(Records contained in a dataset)
________________________
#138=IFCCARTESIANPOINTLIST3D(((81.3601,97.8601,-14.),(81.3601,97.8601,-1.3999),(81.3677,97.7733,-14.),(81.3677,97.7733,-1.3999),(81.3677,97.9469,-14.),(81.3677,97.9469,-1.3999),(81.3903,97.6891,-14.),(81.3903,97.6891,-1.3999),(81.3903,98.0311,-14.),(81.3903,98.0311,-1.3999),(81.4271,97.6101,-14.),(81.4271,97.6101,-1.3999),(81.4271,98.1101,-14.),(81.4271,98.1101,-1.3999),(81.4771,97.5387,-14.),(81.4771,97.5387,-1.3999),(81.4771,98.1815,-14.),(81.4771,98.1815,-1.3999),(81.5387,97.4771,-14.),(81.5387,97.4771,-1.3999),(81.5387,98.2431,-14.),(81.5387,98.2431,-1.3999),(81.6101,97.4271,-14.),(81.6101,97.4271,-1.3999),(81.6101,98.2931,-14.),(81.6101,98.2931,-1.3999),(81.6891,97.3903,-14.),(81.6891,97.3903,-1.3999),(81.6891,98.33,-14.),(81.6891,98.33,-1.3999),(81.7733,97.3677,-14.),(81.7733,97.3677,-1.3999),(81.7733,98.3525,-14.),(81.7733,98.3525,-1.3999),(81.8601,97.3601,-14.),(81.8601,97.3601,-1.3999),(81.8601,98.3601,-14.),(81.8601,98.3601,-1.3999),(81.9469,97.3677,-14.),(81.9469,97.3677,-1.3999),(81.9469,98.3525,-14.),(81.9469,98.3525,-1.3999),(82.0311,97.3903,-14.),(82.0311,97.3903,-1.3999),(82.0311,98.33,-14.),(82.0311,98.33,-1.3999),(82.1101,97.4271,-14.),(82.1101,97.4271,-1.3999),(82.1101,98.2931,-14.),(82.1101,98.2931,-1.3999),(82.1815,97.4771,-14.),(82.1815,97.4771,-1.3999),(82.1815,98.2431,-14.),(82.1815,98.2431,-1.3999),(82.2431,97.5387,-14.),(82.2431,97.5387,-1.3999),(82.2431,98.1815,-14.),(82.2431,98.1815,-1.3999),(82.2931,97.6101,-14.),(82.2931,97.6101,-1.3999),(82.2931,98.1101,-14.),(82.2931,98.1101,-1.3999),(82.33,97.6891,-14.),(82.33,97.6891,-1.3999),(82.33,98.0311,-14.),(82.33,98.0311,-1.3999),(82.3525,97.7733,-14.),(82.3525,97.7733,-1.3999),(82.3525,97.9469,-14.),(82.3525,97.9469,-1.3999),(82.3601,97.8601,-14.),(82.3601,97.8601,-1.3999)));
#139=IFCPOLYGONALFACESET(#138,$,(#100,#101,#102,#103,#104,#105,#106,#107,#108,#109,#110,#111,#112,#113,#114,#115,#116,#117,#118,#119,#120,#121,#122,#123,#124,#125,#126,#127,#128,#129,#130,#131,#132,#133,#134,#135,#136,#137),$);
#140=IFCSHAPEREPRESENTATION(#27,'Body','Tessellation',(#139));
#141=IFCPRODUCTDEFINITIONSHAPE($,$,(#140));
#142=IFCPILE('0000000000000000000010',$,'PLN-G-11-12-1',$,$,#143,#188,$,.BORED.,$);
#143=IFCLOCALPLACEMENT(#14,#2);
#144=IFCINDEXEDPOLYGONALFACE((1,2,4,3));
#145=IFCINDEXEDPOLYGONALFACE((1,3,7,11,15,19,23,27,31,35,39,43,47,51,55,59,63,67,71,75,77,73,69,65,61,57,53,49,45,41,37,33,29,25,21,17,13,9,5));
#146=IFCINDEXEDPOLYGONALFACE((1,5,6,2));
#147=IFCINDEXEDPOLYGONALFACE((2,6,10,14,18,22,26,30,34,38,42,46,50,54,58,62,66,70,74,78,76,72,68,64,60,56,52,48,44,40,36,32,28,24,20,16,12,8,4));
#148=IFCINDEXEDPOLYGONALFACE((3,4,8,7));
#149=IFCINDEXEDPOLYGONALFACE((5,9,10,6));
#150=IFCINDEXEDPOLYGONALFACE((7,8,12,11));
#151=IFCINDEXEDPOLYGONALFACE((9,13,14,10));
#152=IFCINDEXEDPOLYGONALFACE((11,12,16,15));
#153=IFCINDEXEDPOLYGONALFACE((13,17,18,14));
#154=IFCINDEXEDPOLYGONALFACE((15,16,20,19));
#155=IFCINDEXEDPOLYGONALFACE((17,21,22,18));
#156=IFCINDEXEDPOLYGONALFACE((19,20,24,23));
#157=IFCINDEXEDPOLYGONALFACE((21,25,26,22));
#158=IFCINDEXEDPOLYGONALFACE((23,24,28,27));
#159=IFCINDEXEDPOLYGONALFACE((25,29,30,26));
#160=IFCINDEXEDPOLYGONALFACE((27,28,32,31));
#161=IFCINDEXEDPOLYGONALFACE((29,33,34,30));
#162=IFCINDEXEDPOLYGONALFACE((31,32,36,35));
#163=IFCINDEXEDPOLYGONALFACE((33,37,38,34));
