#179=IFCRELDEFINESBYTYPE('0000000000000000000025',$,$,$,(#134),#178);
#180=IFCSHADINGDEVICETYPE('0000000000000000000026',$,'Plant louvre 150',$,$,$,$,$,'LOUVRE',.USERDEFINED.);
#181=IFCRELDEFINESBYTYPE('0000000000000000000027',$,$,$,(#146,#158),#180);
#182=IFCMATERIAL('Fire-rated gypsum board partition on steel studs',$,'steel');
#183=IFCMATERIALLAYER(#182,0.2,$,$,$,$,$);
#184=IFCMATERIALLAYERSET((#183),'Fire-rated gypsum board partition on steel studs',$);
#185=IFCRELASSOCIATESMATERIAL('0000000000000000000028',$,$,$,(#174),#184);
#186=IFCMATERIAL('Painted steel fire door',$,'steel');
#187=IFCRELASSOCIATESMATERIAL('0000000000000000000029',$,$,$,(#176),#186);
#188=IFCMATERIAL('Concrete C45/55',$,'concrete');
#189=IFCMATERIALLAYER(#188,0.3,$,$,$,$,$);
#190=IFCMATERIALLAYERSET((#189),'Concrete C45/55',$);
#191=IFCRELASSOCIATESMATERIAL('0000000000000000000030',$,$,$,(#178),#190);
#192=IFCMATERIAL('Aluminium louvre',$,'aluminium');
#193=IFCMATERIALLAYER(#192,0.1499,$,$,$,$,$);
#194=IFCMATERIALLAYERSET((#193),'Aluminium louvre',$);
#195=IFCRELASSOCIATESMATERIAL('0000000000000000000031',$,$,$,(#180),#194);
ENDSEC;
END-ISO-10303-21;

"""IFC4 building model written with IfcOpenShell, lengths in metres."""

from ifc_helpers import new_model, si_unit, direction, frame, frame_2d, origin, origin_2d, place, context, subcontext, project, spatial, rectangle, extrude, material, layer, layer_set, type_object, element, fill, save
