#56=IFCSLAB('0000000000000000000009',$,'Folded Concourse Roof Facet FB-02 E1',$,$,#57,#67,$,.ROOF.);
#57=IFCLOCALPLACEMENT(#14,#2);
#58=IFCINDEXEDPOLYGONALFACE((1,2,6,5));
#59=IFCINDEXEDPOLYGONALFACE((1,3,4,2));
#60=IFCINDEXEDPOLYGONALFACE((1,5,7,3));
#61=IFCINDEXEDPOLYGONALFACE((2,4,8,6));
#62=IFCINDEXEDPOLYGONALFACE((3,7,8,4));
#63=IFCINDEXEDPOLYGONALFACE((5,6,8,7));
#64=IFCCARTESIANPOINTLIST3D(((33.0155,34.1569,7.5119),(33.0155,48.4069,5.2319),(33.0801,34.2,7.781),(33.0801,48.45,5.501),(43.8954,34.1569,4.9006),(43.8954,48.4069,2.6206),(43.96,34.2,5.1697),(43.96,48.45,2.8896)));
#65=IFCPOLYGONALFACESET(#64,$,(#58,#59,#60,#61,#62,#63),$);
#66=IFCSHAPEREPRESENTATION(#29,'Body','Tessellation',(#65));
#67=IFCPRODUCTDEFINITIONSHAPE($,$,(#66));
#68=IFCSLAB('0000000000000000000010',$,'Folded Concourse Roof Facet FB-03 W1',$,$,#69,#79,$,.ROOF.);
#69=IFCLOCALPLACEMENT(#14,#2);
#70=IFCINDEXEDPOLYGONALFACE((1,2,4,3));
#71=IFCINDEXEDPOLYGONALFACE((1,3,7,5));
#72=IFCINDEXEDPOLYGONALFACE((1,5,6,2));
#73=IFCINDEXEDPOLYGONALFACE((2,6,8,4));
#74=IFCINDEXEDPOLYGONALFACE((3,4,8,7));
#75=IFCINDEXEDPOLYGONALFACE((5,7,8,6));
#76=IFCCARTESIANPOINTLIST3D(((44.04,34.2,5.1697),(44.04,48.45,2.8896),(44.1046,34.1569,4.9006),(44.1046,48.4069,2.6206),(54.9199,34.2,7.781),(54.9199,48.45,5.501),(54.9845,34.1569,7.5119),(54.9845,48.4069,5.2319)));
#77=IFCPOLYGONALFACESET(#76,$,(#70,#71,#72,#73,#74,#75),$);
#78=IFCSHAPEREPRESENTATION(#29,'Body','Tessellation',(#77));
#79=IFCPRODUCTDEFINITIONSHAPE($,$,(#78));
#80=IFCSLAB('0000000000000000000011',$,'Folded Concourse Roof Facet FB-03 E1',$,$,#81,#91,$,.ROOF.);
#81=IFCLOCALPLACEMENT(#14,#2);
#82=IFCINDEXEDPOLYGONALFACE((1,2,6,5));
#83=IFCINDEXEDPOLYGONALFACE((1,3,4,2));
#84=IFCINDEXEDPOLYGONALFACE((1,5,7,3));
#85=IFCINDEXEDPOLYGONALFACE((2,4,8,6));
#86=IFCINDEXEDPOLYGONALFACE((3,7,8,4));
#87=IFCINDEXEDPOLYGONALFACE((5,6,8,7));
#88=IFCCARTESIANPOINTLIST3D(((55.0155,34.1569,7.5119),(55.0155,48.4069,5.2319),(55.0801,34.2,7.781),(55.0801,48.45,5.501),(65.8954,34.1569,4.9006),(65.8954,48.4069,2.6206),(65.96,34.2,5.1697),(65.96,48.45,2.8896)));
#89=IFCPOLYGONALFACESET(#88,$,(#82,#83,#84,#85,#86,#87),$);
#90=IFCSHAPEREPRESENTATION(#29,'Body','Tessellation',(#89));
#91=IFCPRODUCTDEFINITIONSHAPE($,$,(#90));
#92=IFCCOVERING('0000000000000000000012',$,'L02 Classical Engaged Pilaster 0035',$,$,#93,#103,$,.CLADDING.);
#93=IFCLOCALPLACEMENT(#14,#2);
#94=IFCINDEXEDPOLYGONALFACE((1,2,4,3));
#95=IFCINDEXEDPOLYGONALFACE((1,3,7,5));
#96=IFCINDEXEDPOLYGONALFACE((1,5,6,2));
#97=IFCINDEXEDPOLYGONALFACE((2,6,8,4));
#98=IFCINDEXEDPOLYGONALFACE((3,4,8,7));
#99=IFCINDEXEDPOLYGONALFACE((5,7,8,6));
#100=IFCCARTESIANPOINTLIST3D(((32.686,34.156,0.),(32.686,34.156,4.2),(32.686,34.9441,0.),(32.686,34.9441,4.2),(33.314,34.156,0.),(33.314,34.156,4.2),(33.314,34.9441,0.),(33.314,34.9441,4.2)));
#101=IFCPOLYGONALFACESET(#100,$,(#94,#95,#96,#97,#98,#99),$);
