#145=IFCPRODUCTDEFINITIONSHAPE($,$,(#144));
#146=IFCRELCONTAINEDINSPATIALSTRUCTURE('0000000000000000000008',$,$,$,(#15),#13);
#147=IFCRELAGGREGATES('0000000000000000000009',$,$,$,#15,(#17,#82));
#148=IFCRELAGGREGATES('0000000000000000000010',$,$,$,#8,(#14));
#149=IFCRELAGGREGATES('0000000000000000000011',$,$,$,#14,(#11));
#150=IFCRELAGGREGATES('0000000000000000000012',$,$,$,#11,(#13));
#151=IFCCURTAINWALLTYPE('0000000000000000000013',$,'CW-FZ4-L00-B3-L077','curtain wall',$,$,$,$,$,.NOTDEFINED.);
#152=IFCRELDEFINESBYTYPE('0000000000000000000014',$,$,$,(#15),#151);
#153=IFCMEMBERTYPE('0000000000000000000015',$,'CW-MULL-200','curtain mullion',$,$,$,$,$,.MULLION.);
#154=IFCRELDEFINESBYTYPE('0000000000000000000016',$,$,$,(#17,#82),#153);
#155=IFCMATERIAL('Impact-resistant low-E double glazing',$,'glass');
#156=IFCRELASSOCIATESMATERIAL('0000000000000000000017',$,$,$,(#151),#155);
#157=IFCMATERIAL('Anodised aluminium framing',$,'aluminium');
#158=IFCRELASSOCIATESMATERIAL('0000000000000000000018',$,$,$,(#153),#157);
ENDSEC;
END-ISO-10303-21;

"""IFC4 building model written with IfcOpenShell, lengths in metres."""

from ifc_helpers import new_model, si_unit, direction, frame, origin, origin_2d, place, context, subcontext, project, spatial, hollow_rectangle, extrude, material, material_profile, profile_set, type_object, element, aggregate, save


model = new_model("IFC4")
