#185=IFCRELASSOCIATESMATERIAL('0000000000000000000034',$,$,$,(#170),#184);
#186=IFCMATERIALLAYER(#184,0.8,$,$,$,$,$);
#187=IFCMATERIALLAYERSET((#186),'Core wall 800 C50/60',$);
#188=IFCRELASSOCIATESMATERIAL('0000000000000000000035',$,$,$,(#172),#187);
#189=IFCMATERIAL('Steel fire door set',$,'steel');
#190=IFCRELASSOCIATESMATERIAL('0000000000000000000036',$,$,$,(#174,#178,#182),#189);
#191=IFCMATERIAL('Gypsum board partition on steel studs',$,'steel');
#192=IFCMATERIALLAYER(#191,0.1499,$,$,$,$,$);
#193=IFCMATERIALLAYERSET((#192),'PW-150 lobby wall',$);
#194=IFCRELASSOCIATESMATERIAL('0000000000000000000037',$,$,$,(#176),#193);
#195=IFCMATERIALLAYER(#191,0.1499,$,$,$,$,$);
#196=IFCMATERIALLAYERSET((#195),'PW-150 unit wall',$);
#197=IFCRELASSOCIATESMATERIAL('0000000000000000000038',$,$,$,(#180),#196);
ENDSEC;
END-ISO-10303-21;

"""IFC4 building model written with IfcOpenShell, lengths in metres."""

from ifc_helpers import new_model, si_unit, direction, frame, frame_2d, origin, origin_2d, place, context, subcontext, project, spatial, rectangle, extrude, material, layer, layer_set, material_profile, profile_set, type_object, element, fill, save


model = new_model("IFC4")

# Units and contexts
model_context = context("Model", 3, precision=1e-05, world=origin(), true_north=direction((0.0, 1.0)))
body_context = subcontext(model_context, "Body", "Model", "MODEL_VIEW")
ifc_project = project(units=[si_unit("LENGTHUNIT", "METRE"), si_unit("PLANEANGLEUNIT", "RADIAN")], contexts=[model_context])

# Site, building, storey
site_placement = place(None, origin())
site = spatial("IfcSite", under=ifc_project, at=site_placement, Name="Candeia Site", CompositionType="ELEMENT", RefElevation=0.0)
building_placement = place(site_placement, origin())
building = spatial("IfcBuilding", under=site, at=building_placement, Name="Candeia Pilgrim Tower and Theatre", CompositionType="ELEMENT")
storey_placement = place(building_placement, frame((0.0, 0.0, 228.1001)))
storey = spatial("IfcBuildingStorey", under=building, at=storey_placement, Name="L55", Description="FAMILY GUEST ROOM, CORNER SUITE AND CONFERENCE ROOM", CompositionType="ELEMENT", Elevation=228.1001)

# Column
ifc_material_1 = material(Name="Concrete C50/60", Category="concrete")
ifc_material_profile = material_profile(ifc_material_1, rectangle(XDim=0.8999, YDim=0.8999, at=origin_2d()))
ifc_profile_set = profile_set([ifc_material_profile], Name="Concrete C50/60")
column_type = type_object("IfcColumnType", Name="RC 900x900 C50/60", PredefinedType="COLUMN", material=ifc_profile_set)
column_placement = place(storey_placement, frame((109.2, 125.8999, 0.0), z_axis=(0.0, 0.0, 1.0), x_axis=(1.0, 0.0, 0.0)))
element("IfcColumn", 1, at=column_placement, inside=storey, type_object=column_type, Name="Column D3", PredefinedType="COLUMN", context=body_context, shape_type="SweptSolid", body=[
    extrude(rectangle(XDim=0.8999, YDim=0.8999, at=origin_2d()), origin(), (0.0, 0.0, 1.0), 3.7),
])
________________________
# What to work on
Every line from the line containing "#188=IFCMATERIAL('Concrete C45/55',$,'concrete');" through the line containing "#80=IFCSLAB('0000000000000000000011',$,'Folded Concourse Roof" in the records above must be retyped exactly. Leave out the rest.

# Solution
#188=IFCMATERIAL('Concrete C45/55',$,'concrete');
#189=IFCMATERIALLAYER(#188,0.3,$,$,$,$,$);
#190=IFCMATERIALLAYERSET((#189),'Concrete C45/55',$);
#191=IFCRELASSOCIATESMATERIAL('0000000000000000000030',$,$,$,(#178),#190);
#192=IFCMATERIAL('Aluminium louvre',$,'aluminium');
#193=IFCMATERIALLAYER(#192,0.1499,$,$,$,$,$);
#194=IFCMATERIALLAYERSET((#193),'Aluminium louvre',$);
#195=IFCRELASSOCIATESMATERIAL('0000000000000000000031',$,$,$,(#180),#194);
ENDSEC;
END-ISO-10303-21;

"""IFC4 building model written with IfcOpenShell, lengths in metres."""

from ifc_helpers import new_model, si_unit, direction, frame, frame_2d, origin, origin_2d, place, context, subcontext, project, spatial, rectangle, extrude, material, layer, layer_set, type_object, element, fill, save
#56=IFCSLAB('0000000000000000000009',$,'Folded Concourse Roof Facet FB-02 E1',$,$,#57,#67,$,.ROOF.);
#57=IFCLOCALPLACEMENT(#14,#2);
#58=IFCINDEXEDPOLYGONALFACE((1,2,6,5));
#59=IFCINDEXEDPOLYGONALFACE((1,3,4,2));
#60=IFCINDEXEDPOLYGONALFACE((1,5,7,3));
#61=IFCINDEXEDPOLYGONALFACE((2,4,8,6));
#62=IFCINDEXEDPOLYGONALFACE((3,7,8,4));
#63=IFCINDEXEDPOLYGONALFACE((5,6,8,7));
#64=IFCCARTESIANPOINTLIST3D(((33.0155,34.1569,7.5119),(33.0155,48.4069,5.2319),(33.0801,34.2,7.781),(33.0801,48.45,5.501),(43.8954,34.1569,4.9006),(43.8954,48.4069,2.6206),(43.96,34.2,5.1697),(43.96,48.45,2.8896)));
#65=IFCPOLYGONALFACESET(#64,$,(#58,#59,#60,#61,#62,#63),$);
#66=IFCSHAPEREPRESENTATION(#29,'Body','Tessellation',(#65));
#67=IFCPRODUCTDEFINITIONSHAPE($,$,(#66));
#68=IFCSLAB('0000000000000000000010',$,'Folded Concourse Roof Facet FB-03 W1',$,$,#69,#79,$,.ROOF.);
#69=IFCLOCALPLACEMENT(#14,#2);
#70=IFCINDEXEDPOLYGONALFACE((1,2,4,3));
#71=IFCINDEXEDPOLYGONALFACE((1,3,7,5));
#72=IFCINDEXEDPOLYGONALFACE((1,5,6,2));
#73=IFCINDEXEDPOLYGONALFACE((2,6,8,4));
#74=IFCINDEXEDPOLYGONALFACE((3,4,8,7));
#75=IFCINDEXEDPOLYGONALFACE((5,7,8,6));
#76=IFCCARTESIANPOINTLIST3D(((44.04,34.2,5.1697),(44.04,48.45,2.8896),(44.1046,34.1569,4.9006),(44.1046,48.4069,2.6206),(54.9199,34.2,7.781),(54.9199,48.45,5.501),(54.9845,34.1569,7.5119),(54.9845,48.4069,5.2319)));
#77=IFCPOLYGONALFACESET(#76,$,(#70,#71,#72,#73,#74,#75),$);
#78=IFCSHAPEREPRESENTATION(#29,'Body','Tessellation',(#77));
#79=IFCPRODUCTDEFINITIONSHAPE($,$,(#78));
#80=IFCSLAB('0000000000000000000011',$,'Folded Concourse Roof Facet FB-03 E1',$,$,#81,#91,$,.ROOF.);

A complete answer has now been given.